* _Task to complete_:
Among the entries below, only the lines starting at the one with "#93=IFCINDEXEDPOLYGONALFACE((27,63,65,29));" and ending at the one with "#99=IFCINDEXEDPOLYGONALFACE((33,34,70,69));", both included, are to be printed exactly.

* _Source data_:
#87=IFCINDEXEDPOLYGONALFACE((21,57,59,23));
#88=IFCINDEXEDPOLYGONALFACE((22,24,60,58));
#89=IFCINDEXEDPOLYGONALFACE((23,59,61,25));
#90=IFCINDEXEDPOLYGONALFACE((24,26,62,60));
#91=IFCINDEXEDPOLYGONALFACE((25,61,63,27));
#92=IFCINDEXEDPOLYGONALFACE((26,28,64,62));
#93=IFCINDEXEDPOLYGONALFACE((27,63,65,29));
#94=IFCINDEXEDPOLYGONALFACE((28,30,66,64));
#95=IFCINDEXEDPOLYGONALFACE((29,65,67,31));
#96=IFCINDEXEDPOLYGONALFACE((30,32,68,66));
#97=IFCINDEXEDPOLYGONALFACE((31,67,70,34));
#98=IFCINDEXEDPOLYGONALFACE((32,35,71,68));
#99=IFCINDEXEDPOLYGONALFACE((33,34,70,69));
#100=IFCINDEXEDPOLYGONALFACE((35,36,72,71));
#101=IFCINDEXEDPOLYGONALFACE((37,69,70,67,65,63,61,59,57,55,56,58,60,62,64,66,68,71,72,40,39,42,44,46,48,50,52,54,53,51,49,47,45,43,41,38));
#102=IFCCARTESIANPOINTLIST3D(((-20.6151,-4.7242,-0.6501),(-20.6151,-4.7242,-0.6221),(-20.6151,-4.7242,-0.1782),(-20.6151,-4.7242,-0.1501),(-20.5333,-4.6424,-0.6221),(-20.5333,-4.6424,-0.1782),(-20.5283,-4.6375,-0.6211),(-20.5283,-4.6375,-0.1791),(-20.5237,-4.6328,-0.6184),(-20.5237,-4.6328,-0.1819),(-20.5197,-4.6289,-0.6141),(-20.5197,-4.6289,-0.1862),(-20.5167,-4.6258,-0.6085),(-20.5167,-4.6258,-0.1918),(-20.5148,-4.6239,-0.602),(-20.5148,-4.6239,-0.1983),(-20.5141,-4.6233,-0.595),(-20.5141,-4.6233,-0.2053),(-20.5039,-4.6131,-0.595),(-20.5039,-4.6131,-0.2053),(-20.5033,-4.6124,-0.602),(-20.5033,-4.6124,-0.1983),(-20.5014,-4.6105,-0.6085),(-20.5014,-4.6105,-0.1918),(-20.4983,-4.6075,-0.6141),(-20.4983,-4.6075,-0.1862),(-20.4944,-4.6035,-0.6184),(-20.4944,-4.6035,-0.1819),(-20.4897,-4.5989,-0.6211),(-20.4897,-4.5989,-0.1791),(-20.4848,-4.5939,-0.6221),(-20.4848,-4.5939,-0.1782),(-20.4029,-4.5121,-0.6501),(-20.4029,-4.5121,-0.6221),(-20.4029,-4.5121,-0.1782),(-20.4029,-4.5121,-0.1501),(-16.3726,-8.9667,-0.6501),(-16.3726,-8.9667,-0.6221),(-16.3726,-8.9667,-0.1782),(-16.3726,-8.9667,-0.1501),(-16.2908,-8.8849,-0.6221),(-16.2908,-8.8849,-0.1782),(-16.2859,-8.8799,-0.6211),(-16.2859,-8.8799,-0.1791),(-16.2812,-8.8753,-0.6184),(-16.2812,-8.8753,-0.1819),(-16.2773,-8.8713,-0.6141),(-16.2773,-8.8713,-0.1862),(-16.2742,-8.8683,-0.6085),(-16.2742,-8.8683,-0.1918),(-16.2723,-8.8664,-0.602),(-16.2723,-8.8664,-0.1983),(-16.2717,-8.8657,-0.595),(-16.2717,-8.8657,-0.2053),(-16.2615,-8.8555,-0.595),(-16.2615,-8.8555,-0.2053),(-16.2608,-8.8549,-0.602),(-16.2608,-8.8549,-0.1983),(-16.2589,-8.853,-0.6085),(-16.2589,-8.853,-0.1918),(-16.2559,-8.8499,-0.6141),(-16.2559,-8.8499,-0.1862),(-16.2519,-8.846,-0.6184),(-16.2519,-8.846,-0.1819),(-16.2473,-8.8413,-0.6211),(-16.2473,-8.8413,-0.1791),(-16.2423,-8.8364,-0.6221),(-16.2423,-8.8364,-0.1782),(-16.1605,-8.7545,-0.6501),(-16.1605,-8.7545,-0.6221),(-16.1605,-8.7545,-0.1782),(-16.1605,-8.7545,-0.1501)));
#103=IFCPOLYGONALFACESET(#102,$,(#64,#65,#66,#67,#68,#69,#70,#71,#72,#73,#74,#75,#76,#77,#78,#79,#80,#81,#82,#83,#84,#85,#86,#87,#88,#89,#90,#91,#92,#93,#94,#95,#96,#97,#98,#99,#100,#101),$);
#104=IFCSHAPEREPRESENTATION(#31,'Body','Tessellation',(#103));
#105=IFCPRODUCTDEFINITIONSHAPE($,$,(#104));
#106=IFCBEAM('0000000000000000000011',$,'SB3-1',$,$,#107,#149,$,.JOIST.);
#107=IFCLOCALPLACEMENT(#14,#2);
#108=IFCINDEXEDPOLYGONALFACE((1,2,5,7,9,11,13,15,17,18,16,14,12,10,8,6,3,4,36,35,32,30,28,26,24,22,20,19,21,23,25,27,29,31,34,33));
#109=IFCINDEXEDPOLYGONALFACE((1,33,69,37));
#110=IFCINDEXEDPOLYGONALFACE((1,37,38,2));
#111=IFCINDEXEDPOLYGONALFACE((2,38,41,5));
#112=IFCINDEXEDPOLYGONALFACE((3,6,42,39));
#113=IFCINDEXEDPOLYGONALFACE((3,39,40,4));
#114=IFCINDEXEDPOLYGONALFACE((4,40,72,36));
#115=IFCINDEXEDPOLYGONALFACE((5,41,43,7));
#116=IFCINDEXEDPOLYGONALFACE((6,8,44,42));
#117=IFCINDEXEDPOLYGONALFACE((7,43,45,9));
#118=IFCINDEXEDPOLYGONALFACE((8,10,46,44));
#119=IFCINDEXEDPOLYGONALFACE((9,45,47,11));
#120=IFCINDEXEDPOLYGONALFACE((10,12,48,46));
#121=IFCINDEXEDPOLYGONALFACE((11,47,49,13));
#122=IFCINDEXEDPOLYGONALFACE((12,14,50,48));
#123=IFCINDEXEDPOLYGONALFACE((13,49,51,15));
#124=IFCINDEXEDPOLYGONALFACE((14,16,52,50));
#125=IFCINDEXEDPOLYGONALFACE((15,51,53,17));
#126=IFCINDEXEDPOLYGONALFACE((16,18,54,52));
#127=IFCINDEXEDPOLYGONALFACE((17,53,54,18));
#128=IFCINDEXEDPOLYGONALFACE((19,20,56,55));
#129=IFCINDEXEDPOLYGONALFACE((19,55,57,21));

* _Written solution_:
#93=IFCINDEXEDPOLYGONALFACE((27,63,65,29));
#94=IFCINDEXEDPOLYGONALFACE((28,30,66,64));
#95=IFCINDEXEDPOLYGONALFACE((29,65,67,31));
#96=IFCINDEXEDPOLYGONALFACE((30,32,68,66));
#97=IFCINDEXEDPOLYGONALFACE((31,67,70,34));
#98=IFCINDEXEDPOLYGONALFACE((32,35,71,68));
#99=IFCINDEXEDPOLYGONALFACE((33,34,70,69));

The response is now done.